Start of Extracted material

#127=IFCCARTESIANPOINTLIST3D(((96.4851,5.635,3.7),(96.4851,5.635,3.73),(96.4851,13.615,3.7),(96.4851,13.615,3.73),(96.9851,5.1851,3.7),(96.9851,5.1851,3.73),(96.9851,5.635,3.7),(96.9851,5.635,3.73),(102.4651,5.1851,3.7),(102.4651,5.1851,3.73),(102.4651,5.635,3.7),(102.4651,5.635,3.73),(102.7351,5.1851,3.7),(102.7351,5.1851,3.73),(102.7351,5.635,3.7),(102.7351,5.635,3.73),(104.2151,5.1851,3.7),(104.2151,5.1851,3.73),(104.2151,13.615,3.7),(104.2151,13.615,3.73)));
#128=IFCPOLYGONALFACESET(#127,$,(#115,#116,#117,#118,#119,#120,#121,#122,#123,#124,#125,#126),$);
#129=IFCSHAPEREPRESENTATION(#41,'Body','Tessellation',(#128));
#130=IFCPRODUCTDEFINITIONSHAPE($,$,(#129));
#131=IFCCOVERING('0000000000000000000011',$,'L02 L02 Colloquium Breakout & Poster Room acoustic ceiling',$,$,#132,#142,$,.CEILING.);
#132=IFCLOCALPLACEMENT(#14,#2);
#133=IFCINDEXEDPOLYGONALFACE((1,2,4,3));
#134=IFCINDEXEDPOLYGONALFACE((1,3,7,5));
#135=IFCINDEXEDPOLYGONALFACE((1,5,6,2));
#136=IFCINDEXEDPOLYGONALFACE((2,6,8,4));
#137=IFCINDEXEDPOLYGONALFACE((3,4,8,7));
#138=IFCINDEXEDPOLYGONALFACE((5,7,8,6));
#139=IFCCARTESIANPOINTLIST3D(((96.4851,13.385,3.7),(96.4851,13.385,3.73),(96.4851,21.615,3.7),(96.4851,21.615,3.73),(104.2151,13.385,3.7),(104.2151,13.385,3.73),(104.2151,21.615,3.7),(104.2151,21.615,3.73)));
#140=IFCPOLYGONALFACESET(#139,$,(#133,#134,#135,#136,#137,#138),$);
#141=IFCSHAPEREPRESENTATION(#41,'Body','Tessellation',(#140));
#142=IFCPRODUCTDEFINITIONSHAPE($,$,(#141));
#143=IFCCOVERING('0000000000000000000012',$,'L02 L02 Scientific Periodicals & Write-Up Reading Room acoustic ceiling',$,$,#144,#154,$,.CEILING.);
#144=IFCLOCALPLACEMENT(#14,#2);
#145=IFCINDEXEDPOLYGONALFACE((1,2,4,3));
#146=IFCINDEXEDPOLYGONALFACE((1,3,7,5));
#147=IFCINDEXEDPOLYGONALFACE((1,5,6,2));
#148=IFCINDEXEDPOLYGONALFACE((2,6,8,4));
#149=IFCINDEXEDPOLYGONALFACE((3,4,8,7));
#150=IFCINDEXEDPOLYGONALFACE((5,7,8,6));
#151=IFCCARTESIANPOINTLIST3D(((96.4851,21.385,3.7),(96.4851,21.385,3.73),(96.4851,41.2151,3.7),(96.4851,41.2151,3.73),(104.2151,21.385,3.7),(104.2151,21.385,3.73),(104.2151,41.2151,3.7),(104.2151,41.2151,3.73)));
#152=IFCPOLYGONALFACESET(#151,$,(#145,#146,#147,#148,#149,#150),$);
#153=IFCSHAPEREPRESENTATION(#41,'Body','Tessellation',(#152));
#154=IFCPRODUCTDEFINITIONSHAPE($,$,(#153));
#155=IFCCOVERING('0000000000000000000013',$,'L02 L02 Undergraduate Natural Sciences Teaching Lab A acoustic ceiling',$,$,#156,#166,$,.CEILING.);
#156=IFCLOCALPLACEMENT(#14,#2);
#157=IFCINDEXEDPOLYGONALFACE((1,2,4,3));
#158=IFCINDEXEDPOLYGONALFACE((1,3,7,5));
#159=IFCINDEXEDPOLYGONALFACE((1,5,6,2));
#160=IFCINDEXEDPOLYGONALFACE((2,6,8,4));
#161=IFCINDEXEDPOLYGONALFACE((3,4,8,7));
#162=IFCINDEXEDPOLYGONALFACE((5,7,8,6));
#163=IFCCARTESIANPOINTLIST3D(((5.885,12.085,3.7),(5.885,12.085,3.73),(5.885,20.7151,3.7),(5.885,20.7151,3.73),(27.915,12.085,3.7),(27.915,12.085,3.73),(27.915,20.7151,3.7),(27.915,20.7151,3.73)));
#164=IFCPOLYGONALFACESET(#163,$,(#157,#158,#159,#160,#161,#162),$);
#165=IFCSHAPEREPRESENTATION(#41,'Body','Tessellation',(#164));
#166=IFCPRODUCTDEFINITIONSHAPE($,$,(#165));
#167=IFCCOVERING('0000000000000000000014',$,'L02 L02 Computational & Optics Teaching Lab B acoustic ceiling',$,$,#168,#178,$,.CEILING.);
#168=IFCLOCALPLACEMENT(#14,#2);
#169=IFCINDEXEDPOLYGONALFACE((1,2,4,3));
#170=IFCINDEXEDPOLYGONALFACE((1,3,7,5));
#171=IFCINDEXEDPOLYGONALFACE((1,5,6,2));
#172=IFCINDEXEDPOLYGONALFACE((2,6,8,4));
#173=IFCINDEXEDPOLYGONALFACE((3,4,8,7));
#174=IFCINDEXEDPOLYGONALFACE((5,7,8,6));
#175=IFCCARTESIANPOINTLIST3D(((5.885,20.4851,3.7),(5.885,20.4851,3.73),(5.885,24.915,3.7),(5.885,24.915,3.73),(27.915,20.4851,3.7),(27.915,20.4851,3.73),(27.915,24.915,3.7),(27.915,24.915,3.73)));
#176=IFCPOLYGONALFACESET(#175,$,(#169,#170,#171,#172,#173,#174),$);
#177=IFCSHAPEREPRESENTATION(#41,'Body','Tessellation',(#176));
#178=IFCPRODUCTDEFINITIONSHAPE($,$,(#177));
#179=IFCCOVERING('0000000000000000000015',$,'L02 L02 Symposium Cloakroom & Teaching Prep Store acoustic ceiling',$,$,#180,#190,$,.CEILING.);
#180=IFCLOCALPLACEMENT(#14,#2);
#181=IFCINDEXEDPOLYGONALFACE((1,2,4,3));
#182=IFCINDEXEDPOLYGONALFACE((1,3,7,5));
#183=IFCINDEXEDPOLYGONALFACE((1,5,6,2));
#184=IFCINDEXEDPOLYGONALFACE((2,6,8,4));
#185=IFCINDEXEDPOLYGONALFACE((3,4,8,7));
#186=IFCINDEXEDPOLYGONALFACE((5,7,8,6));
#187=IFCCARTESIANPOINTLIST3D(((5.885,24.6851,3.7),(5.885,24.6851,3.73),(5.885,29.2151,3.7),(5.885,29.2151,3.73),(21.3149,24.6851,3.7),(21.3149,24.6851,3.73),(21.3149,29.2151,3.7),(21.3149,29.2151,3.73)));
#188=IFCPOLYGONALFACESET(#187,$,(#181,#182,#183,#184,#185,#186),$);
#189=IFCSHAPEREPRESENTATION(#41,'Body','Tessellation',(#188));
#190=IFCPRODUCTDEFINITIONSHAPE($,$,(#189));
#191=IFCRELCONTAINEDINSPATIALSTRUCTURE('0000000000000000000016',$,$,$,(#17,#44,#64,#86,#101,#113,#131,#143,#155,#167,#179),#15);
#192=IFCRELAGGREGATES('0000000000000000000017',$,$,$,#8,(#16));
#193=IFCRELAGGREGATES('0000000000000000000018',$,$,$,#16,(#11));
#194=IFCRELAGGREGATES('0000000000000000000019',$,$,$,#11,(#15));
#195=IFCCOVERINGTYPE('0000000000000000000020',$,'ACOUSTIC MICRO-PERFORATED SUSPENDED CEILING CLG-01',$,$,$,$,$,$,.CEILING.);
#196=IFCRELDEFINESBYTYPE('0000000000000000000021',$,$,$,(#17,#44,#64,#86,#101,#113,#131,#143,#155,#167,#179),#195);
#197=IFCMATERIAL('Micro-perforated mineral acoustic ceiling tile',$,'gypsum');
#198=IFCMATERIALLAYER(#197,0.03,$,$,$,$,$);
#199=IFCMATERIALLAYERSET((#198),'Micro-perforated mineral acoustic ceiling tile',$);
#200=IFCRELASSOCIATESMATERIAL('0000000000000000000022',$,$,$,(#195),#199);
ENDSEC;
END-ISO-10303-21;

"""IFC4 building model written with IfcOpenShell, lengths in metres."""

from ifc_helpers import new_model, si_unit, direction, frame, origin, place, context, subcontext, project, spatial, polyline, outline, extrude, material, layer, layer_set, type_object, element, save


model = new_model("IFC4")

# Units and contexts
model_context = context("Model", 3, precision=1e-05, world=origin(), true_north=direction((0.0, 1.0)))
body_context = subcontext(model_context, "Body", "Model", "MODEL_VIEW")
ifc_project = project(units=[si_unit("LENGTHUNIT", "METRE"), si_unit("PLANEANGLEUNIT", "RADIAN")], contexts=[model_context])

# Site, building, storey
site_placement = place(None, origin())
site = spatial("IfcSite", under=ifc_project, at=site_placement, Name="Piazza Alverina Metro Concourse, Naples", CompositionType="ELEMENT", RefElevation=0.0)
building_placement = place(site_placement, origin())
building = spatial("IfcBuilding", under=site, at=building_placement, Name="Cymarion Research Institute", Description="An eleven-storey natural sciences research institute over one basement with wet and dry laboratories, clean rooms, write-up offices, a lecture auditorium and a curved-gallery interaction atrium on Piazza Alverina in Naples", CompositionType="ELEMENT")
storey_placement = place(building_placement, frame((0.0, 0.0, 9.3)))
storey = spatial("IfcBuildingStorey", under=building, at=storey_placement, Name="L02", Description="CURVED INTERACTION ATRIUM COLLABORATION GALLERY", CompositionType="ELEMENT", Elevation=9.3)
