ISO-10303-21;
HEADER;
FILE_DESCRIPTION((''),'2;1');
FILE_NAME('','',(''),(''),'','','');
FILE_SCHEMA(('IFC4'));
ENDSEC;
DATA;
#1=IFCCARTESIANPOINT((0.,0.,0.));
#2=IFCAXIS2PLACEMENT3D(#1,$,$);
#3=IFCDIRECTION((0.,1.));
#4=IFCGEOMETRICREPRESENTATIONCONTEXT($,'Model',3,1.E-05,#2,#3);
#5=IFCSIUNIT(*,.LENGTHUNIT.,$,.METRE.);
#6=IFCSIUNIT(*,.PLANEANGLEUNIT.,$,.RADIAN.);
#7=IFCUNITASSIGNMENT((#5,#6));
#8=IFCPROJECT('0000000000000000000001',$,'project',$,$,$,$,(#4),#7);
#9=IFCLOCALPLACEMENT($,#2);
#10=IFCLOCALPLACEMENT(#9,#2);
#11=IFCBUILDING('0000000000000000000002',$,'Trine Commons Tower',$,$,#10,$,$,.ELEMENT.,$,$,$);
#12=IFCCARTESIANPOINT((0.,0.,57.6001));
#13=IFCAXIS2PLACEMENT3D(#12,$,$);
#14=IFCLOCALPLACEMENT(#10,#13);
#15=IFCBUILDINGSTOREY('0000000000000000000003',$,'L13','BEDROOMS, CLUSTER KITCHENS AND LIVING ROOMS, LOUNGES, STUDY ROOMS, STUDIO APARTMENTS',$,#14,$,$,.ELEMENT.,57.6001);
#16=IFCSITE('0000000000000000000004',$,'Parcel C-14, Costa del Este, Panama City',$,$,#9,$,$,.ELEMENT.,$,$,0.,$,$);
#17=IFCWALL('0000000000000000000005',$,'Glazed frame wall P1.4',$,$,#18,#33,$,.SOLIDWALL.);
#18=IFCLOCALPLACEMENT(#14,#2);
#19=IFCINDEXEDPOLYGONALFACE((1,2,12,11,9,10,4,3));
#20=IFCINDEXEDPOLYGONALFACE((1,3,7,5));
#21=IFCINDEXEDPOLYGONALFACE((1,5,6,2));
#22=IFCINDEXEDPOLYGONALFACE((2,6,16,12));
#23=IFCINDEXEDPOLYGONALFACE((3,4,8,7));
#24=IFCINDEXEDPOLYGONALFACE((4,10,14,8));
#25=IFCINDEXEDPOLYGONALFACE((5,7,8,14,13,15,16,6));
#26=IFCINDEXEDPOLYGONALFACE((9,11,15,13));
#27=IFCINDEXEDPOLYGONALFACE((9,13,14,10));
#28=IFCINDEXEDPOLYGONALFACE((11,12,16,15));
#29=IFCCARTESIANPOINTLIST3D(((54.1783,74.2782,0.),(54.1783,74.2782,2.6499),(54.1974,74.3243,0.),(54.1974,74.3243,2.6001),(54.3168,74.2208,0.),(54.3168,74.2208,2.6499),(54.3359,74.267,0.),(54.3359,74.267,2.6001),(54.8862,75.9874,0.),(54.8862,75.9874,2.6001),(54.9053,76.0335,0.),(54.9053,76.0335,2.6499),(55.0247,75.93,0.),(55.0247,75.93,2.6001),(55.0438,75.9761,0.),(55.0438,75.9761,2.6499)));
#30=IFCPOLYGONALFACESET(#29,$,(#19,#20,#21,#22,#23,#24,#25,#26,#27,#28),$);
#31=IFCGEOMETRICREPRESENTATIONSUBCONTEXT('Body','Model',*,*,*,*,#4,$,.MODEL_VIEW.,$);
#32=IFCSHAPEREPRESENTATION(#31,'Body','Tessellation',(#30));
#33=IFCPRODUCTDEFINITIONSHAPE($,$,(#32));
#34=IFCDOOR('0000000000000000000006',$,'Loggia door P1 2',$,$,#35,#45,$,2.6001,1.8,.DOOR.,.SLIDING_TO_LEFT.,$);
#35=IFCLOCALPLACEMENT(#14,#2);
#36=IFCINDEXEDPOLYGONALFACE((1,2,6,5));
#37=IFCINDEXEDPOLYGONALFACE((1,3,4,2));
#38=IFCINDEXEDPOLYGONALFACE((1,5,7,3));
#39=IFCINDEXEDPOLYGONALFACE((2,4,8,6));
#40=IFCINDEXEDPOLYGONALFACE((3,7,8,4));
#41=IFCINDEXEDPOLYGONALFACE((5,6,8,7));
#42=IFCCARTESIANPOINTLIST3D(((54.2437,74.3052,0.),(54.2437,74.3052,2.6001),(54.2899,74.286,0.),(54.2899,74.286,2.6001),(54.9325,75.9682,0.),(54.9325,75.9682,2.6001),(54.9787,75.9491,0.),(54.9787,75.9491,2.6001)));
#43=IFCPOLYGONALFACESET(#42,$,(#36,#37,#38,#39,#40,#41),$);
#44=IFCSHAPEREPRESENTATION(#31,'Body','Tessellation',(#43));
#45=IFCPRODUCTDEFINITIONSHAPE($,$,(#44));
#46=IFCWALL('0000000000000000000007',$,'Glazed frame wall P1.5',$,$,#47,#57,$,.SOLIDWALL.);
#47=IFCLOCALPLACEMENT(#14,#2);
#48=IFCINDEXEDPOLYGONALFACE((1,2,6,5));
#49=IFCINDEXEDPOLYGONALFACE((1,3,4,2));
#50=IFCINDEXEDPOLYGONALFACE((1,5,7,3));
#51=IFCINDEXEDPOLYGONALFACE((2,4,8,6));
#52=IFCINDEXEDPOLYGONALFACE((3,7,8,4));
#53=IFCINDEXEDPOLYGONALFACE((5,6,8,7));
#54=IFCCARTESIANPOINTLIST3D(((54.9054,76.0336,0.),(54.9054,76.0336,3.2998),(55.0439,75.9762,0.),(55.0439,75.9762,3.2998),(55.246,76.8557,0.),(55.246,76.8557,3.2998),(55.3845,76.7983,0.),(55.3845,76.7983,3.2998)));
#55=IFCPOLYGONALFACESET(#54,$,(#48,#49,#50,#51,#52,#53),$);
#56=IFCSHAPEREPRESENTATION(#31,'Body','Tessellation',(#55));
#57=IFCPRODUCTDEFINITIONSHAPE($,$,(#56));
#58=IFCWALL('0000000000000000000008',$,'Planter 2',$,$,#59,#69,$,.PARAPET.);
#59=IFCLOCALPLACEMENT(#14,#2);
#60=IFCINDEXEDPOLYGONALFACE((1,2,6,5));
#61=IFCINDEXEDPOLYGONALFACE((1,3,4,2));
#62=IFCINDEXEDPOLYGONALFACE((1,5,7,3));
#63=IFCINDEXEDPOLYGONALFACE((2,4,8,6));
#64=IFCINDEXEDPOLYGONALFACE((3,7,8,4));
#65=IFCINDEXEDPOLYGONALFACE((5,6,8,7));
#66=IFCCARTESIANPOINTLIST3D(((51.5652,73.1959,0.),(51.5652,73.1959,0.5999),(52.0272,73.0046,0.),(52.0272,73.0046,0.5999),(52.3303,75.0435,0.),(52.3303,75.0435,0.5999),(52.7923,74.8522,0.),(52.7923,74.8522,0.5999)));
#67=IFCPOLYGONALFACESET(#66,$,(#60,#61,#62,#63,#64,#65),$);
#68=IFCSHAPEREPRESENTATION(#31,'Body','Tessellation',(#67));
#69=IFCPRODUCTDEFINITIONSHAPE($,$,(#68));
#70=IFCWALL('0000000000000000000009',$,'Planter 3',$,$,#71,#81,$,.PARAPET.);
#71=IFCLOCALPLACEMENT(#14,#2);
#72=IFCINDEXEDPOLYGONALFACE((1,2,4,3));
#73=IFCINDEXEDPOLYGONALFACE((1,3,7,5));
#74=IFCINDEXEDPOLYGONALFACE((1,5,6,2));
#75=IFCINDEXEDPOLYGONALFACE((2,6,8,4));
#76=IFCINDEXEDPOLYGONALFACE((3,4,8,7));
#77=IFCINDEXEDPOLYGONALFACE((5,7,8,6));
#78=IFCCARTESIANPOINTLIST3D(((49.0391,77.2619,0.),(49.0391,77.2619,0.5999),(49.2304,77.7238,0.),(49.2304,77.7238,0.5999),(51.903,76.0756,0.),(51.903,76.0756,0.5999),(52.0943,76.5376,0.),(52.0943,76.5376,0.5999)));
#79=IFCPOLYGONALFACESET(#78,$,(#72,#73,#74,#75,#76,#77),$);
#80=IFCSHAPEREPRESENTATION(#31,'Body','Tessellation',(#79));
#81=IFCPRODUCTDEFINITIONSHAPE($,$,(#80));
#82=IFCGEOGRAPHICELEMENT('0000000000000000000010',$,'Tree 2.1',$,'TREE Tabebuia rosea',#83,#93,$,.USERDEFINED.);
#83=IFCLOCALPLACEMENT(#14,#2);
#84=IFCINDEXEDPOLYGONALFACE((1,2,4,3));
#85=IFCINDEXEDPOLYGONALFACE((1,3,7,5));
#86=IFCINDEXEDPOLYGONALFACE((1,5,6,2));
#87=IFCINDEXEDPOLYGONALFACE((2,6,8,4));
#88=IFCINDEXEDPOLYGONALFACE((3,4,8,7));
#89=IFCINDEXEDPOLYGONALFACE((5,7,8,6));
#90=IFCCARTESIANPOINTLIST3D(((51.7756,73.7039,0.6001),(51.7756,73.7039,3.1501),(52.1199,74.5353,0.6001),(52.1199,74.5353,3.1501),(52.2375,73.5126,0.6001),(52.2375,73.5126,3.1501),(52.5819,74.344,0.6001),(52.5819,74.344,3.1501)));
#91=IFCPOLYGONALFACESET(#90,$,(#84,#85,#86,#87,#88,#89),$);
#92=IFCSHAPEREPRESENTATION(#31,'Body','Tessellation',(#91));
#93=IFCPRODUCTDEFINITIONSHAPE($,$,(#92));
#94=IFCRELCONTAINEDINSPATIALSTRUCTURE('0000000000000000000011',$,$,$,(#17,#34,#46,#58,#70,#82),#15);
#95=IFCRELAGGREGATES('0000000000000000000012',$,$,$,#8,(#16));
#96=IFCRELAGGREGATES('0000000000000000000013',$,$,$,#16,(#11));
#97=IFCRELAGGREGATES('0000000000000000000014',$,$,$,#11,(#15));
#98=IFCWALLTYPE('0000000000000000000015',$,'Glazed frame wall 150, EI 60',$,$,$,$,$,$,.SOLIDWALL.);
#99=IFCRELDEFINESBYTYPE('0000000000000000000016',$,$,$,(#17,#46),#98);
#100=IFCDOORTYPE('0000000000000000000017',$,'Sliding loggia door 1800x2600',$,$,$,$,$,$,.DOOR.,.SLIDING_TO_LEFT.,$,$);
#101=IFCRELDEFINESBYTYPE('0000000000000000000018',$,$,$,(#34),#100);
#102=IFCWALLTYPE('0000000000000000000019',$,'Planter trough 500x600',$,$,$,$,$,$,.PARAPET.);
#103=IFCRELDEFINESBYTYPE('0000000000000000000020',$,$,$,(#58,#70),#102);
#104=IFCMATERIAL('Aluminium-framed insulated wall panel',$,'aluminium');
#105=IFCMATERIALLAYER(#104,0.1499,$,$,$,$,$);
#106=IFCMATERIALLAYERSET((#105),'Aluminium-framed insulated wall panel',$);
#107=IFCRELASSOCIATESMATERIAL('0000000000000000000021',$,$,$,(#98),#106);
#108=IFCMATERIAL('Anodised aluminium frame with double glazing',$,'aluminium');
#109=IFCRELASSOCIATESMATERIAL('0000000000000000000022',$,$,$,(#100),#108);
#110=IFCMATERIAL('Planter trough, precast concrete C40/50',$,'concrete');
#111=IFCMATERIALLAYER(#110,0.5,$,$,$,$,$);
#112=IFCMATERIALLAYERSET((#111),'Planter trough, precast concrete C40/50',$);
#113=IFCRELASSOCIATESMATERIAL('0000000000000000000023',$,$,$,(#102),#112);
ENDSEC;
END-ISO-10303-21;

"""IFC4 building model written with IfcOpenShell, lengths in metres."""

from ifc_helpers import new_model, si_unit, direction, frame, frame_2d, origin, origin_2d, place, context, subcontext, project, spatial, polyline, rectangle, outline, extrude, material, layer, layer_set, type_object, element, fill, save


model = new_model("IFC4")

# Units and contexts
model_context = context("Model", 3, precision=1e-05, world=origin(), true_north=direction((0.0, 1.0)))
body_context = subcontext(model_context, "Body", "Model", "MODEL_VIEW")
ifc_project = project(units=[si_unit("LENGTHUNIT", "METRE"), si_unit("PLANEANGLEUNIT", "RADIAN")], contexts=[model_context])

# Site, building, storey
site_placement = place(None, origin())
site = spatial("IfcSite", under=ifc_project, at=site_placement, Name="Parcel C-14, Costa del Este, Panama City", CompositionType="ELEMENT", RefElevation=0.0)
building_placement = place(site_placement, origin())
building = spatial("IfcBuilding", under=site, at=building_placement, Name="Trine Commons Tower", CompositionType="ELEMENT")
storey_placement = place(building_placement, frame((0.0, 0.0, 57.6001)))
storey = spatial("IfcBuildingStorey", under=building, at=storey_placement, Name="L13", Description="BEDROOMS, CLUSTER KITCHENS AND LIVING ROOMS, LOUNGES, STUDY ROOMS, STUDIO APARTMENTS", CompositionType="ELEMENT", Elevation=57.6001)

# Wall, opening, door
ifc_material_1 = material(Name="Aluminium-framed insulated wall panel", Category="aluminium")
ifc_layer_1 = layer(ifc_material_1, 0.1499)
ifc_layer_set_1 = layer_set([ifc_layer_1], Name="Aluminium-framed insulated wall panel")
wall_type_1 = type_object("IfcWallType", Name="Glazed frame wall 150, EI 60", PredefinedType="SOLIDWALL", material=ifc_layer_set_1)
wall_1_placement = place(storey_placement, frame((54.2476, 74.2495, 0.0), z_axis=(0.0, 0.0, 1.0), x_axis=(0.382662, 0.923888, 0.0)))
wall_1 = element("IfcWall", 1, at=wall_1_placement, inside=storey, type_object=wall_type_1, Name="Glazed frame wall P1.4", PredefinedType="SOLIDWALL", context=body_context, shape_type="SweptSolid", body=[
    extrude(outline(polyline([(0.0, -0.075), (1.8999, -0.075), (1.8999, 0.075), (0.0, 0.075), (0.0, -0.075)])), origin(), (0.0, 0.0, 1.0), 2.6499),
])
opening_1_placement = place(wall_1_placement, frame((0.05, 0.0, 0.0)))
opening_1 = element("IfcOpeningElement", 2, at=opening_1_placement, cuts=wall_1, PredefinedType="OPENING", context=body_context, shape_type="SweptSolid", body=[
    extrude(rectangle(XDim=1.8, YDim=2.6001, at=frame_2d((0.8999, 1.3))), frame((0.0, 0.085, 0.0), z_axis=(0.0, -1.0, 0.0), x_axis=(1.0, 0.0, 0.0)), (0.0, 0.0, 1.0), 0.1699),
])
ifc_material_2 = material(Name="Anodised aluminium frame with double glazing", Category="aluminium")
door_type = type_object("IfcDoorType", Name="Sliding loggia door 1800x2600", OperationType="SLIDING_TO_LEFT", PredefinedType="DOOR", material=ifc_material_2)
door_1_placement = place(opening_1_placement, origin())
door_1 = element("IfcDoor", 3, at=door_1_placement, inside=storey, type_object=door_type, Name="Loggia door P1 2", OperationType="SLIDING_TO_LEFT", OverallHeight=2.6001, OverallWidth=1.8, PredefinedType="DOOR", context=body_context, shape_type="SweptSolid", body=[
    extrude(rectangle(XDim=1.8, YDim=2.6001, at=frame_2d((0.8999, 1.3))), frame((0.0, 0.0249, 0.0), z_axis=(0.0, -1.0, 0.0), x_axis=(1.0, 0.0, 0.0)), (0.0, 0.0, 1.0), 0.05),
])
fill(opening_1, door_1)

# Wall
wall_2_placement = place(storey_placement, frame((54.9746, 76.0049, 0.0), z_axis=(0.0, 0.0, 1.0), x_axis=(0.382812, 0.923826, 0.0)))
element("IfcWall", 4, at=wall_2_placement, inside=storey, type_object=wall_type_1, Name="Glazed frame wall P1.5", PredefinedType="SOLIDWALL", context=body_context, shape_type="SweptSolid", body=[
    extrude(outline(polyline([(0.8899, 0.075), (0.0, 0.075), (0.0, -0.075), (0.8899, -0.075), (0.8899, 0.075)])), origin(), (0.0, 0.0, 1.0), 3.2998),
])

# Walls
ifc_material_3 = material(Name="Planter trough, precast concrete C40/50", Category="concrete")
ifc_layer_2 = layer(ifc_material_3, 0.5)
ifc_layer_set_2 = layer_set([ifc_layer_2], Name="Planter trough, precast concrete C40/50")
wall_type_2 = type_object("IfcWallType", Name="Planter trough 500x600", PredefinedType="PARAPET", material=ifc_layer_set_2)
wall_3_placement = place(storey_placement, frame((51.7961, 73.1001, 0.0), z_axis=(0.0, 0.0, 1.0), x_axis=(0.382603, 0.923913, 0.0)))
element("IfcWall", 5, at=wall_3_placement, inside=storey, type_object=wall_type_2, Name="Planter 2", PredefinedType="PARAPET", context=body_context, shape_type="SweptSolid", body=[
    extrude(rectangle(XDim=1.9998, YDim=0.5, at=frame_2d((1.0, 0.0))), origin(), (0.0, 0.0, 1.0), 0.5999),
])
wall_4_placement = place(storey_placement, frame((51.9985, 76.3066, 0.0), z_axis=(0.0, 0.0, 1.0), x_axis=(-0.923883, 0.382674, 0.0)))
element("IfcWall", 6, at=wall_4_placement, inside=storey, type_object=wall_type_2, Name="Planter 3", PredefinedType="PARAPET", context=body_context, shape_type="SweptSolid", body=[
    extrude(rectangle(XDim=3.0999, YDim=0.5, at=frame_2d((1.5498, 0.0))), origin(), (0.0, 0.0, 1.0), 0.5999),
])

End of Extracted material

Instructions for the task:
Give back exactly what runs from the first line of the listing above to the line that contains "#131=IFCCOVERING('0000000000000000000011',$,'L02 L02 Colloquium", keeping both end lines.

Worked solution:
#127=IFCCARTESIANPOINTLIST3D(((96.4851,5.635,3.7),(96.4851,5.635,3.73),(96.4851,13.615,3.7),(96.4851,13.615,3.73),(96.9851,5.1851,3.7),(96.9851,5.1851,3.73),(96.9851,5.635,3.7),(96.9851,5.635,3.73),(102.4651,5.1851,3.7),(102.4651,5.1851,3.73),(102.4651,5.635,3.7),(102.4651,5.635,3.73),(102.7351,5.1851,3.7),(102.7351,5.1851,3.73),(102.7351,5.635,3.7),(102.7351,5.635,3.73),(104.2151,5.1851,3.7),(104.2151,5.1851,3.73),(104.2151,13.615,3.7),(104.2151,13.615,3.73)));
#128=IFCPOLYGONALFACESET(#127,$,(#115,#116,#117,#118,#119,#120,#121,#122,#123,#124,#125,#126),$);
#129=IFCSHAPEREPRESENTATION(#41,'Body','Tessellation',(#128));
#130=IFCPRODUCTDEFINITIONSHAPE($,$,(#129));
#131=IFCCOVERING('0000000000000000000011',$,'L02 L02 Colloquium Breakout & Poster Room acoustic ceiling',$,$,#132,#142,$,.CEILING.);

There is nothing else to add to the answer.